→ **Exercise objective**
Each line of the material below is to be checked for "PARTITIONING"; the number of matching lines is the only output expected.

→ **Material for this task**
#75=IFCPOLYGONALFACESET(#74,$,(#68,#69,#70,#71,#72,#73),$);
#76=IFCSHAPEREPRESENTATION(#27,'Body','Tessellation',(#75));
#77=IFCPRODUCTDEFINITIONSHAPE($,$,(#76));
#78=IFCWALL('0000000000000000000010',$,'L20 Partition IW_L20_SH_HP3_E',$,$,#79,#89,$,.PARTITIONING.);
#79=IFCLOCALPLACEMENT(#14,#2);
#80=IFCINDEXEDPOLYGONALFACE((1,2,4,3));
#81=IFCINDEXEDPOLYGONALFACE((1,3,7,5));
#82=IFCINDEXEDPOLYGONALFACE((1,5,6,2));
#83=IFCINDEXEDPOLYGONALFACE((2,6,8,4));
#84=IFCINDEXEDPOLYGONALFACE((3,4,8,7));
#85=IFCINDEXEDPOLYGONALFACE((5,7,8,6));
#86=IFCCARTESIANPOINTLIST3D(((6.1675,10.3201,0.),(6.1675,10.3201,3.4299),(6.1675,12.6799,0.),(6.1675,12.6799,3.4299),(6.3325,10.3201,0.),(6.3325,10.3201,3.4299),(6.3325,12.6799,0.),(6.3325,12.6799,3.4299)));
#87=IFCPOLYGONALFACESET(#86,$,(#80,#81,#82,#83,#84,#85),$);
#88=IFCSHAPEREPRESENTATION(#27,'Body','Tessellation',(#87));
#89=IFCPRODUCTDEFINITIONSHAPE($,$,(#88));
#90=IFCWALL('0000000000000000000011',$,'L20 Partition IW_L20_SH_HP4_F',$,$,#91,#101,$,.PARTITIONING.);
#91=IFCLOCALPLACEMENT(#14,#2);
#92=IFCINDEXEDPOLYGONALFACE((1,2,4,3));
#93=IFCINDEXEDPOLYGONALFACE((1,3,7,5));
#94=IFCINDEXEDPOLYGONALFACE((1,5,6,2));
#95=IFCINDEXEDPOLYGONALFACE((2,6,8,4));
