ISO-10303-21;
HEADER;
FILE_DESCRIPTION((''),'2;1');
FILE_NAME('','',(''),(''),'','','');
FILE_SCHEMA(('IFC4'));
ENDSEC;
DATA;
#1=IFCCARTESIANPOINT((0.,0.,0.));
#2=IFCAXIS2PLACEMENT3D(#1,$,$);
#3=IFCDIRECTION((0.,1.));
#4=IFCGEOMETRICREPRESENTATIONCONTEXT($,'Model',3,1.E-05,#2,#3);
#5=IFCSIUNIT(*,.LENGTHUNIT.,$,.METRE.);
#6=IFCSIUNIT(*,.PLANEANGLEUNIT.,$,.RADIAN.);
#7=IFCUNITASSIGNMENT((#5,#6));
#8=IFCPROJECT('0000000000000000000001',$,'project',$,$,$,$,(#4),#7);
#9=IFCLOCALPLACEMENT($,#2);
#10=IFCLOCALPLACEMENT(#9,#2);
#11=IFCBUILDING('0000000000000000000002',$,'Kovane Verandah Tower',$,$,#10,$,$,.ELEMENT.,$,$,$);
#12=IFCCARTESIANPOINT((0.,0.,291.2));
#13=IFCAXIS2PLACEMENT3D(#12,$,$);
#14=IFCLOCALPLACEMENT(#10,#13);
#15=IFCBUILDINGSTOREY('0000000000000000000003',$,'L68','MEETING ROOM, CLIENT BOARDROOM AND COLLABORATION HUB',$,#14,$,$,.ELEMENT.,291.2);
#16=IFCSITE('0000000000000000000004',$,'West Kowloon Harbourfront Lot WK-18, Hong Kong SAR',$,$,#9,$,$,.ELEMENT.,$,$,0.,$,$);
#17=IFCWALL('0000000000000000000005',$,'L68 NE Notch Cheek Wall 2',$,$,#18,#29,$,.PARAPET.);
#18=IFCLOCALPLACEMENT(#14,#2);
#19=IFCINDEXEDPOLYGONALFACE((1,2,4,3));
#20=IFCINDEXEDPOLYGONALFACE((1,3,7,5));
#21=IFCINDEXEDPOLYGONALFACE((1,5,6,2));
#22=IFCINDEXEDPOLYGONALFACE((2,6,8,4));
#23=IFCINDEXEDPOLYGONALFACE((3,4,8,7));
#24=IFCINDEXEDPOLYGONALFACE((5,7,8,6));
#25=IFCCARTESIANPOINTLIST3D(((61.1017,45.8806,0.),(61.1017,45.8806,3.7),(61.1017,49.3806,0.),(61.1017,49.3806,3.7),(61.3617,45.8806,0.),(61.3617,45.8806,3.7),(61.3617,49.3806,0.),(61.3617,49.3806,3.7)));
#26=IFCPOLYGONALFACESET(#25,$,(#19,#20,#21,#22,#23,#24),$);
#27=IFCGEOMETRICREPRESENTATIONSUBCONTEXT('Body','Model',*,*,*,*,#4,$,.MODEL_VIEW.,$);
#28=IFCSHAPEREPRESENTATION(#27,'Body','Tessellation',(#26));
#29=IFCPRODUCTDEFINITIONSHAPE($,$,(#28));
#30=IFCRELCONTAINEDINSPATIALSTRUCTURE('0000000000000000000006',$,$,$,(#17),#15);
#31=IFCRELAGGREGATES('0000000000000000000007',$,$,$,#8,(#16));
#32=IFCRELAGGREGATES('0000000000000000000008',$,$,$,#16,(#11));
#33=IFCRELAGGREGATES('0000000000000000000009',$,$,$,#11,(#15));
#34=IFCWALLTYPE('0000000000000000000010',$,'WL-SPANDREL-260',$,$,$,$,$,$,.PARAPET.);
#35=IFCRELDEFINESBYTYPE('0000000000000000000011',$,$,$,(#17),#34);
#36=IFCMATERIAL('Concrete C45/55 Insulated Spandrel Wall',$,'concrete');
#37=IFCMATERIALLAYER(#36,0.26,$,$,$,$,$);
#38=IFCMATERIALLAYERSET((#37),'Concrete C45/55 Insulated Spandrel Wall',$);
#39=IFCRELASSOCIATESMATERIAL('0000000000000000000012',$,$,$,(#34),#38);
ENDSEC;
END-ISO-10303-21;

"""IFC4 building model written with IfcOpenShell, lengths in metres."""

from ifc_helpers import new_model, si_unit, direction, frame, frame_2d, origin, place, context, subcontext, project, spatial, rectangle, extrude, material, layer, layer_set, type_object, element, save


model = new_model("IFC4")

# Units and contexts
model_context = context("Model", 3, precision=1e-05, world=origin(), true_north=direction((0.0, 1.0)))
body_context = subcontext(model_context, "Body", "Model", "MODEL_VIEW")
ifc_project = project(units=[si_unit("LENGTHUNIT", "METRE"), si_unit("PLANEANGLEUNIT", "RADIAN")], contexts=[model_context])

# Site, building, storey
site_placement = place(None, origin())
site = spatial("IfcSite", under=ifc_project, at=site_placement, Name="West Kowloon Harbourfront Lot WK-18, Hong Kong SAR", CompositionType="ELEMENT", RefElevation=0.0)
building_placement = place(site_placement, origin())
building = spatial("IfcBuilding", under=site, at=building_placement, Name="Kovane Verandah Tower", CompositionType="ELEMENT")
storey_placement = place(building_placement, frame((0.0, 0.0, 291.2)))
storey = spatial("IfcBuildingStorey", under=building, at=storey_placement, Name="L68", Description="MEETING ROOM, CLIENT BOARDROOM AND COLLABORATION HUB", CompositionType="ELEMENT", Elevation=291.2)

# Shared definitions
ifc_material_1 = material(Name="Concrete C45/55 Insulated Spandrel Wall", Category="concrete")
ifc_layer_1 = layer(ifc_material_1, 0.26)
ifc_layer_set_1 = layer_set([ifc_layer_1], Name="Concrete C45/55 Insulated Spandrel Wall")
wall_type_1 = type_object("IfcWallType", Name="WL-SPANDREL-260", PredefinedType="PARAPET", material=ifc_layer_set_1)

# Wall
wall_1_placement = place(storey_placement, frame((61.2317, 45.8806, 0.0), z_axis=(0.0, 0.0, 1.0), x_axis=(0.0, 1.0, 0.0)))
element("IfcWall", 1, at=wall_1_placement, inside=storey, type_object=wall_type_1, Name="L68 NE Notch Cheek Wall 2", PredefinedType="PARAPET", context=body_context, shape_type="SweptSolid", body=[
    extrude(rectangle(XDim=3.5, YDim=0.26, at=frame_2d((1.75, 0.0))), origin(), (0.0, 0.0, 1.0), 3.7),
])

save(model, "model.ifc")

→ **Your solution**
2